--- INFORMATION SUPPLIED ---

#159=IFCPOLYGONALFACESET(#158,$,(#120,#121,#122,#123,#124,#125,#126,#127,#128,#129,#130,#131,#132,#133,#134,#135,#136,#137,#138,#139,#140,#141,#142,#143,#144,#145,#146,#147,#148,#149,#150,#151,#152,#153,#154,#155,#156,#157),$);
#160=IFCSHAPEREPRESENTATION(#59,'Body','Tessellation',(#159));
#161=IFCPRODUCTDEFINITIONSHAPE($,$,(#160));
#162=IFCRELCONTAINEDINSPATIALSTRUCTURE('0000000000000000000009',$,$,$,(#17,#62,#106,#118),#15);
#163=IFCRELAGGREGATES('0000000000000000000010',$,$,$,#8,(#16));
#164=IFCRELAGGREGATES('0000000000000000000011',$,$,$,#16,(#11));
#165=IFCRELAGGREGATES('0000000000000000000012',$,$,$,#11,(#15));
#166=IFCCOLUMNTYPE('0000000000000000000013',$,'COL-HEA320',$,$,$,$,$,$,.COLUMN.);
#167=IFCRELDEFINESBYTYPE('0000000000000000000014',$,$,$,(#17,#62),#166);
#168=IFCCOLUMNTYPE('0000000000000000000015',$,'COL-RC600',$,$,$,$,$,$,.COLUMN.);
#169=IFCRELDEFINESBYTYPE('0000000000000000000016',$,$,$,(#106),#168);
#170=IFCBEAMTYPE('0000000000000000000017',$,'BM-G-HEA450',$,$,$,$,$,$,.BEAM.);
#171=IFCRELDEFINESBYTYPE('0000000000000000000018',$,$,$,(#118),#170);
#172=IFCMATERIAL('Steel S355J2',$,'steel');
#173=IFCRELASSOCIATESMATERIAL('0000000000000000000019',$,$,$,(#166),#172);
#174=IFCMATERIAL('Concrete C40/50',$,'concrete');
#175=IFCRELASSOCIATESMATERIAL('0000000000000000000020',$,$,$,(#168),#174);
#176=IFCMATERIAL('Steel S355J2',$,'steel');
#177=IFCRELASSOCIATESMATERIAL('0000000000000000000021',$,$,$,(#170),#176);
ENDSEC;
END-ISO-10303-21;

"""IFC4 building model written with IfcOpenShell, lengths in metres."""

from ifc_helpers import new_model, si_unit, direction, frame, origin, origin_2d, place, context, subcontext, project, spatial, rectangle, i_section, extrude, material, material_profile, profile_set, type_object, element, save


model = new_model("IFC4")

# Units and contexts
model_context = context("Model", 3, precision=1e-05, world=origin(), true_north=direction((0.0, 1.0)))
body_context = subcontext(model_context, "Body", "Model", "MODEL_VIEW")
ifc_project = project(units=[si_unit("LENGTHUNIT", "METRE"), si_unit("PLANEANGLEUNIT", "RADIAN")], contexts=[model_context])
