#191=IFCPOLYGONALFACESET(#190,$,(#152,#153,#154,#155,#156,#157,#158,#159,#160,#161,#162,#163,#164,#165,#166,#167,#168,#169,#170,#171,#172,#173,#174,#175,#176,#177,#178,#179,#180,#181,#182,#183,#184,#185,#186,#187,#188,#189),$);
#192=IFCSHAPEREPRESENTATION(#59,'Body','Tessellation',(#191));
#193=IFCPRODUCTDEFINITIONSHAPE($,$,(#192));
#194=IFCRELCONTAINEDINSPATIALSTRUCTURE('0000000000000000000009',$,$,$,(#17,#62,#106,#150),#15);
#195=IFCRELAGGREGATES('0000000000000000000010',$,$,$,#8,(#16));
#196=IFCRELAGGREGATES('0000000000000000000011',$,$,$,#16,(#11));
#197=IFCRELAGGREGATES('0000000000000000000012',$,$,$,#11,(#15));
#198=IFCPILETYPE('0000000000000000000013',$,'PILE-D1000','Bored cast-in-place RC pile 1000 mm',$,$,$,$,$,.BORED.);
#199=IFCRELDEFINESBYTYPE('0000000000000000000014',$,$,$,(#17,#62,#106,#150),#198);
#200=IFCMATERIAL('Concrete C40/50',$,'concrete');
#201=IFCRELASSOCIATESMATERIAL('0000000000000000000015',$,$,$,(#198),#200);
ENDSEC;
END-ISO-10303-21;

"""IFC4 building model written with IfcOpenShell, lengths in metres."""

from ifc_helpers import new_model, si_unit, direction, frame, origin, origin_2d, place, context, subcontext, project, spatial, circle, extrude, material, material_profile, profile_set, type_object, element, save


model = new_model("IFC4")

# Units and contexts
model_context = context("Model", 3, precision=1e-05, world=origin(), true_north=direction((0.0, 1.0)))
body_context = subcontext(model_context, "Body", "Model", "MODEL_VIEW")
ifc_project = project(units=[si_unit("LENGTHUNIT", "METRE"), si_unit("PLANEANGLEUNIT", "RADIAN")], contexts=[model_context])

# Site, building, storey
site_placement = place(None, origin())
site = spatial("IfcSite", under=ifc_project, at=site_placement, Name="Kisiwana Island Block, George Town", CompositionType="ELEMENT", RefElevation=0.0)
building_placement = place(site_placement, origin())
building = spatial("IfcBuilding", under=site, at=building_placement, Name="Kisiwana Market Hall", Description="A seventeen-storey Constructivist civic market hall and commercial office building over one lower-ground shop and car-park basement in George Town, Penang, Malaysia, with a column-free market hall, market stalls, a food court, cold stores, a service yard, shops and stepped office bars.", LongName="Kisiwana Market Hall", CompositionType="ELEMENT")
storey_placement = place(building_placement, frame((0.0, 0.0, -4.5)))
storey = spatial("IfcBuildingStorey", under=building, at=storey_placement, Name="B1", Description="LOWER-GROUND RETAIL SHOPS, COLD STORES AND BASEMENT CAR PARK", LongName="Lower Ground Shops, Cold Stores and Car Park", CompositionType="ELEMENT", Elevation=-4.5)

---

YOUR ASSIGNMENT
Whatever the number of entries above, each one is to be copied exactly.

SOLUTION FOR THIS PROBLEM
#159=IFCPOLYGONALFACESET(#158,$,(#120,#121,#122,#123,#124,#125,#126,#127,#128,#129,#130,#131,#132,#133,#134,#135,#136,#137,#138,#139,#140,#141,#142,#143,#144,#145,#146,#147,#148,#149,#150,#151,#152,#153,#154,#155,#156,#157),$);
#160=IFCSHAPEREPRESENTATION(#59,'Body','Tessellation',(#159));
#161=IFCPRODUCTDEFINITIONSHAPE($,$,(#160));
#162=IFCRELCONTAINEDINSPATIALSTRUCTURE('0000000000000000000009',$,$,$,(#17,#62,#106,#118),#15);
#163=IFCRELAGGREGATES('0000000000000000000010',$,$,$,#8,(#16));
#164=IFCRELAGGREGATES('0000000000000000000011',$,$,$,#16,(#11));
#165=IFCRELAGGREGATES('0000000000000000000012',$,$,$,#11,(#15));
#166=IFCCOLUMNTYPE('0000000000000000000013',$,'COL-HEA320',$,$,$,$,$,$,.COLUMN.);
#167=IFCRELDEFINESBYTYPE('0000000000000000000014',$,$,$,(#17,#62),#166);
#168=IFCCOLUMNTYPE('0000000000000000000015',$,'COL-RC600',$,$,$,$,$,$,.COLUMN.);
#169=IFCRELDEFINESBYTYPE('0000000000000000000016',$,$,$,(#106),#168);
#170=IFCBEAMTYPE('0000000000000000000017',$,'BM-G-HEA450',$,$,$,$,$,$,.BEAM.);
#171=IFCRELDEFINESBYTYPE('0000000000000000000018',$,$,$,(#118),#170);
#172=IFCMATERIAL('Steel S355J2',$,'steel');
#173=IFCRELASSOCIATESMATERIAL('0000000000000000000019',$,$,$,(#166),#172);
#174=IFCMATERIAL('Concrete C40/50',$,'concrete');
#175=IFCRELASSOCIATESMATERIAL('0000000000000000000020',$,$,$,(#168),#174);
#176=IFCMATERIAL('Steel S355J2',$,'steel');
#177=IFCRELASSOCIATESMATERIAL('0000000000000000000021',$,$,$,(#170),#176);
ENDSEC;
END-ISO-10303-21;

"""IFC4 building model written with IfcOpenShell, lengths in metres."""

from ifc_helpers import new_model, si_unit, direction, frame, origin, origin_2d, place, context, subcontext, project, spatial, rectangle, i_section, extrude, material, material_profile, profile_set, type_object, element, save


model = new_model("IFC4")

# Units and contexts
model_context = context("Model", 3, precision=1e-05, world=origin(), true_north=direction((0.0, 1.0)))
body_context = subcontext(model_context, "Body", "Model", "MODEL_VIEW")
ifc_project = project(units=[si_unit("LENGTHUNIT", "METRE"), si_unit("PLANEANGLEUNIT", "RADIAN")], contexts=[model_context])
#191=IFCPOLYGONALFACESET(#190,$,(#152,#153,#154,#155,#156,#157,#158,#159,#160,#161,#162,#163,#164,#165,#166,#167,#168,#169,#170,#171,#172,#173,#174,#175,#176,#177,#178,#179,#180,#181,#182,#183,#184,#185,#186,#187,#188,#189),$);
#192=IFCSHAPEREPRESENTATION(#59,'Body','Tessellation',(#191));
#193=IFCPRODUCTDEFINITIONSHAPE($,$,(#192));
#194=IFCRELCONTAINEDINSPATIALSTRUCTURE('0000000000000000000009',$,$,$,(#17,#62,#106,#150),#15);
#195=IFCRELAGGREGATES('0000000000000000000010',$,$,$,#8,(#16));
#196=IFCRELAGGREGATES('0000000000000000000011',$,$,$,#16,(#11));
#197=IFCRELAGGREGATES('0000000000000000000012',$,$,$,#11,(#15));
#198=IFCPILETYPE('0000000000000000000013',$,'PILE-D1000','Bored cast-in-place RC pile 1000 mm',$,$,$,$,$,.BORED.);
#199=IFCRELDEFINESBYTYPE('0000000000000000000014',$,$,$,(#17,#62,#106,#150),#198);
#200=IFCMATERIAL('Concrete C40/50',$,'concrete');
#201=IFCRELASSOCIATESMATERIAL('0000000000000000000015',$,$,$,(#198),#200);
ENDSEC;
END-ISO-10303-21;

"""IFC4 building model written with IfcOpenShell, lengths in metres."""

from ifc_helpers import new_model, si_unit, direction, frame, origin, origin_2d, place, context, subcontext, project, spatial, circle, extrude, material, material_profile, profile_set, type_object, element, save


model = new_model("IFC4")

# Units and contexts
model_context = context("Model", 3, precision=1e-05, world=origin(), true_north=direction((0.0, 1.0)))
body_context = subcontext(model_context, "Body", "Model", "MODEL_VIEW")
ifc_project = project(units=[si_unit("LENGTHUNIT", "METRE"), si_unit("PLANEANGLEUNIT", "RADIAN")], contexts=[model_context])

# Site, building, storey
site_placement = place(None, origin())
site = spatial("IfcSite", under=ifc_project, at=site_placement, Name="Kisiwana Island Block, George Town", CompositionType="ELEMENT", RefElevation=0.0)
building_placement = place(site_placement, origin())
building = spatial("IfcBuilding", under=site, at=building_placement, Name="Kisiwana Market Hall", Description="A seventeen-storey Constructivist civic market hall and commercial office building over one lower-ground shop and car-park basement in George Town, Penang, Malaysia, with a column-free market hall, market stalls, a food court, cold stores, a service yard, shops and stepped office bars.", LongName="Kisiwana Market Hall", CompositionType="ELEMENT")
storey_placement = place(building_placement, frame((0.0, 0.0, -4.5)))
storey = spatial("IfcBuildingStorey", under=building, at=storey_placement, Name="B1", Description="LOWER-GROUND RETAIL SHOPS, COLD STORES AND BASEMENT CAR PARK", LongName="Lower Ground Shops, Cold Stores and Car Park", CompositionType="ELEMENT", Elevation=-4.5)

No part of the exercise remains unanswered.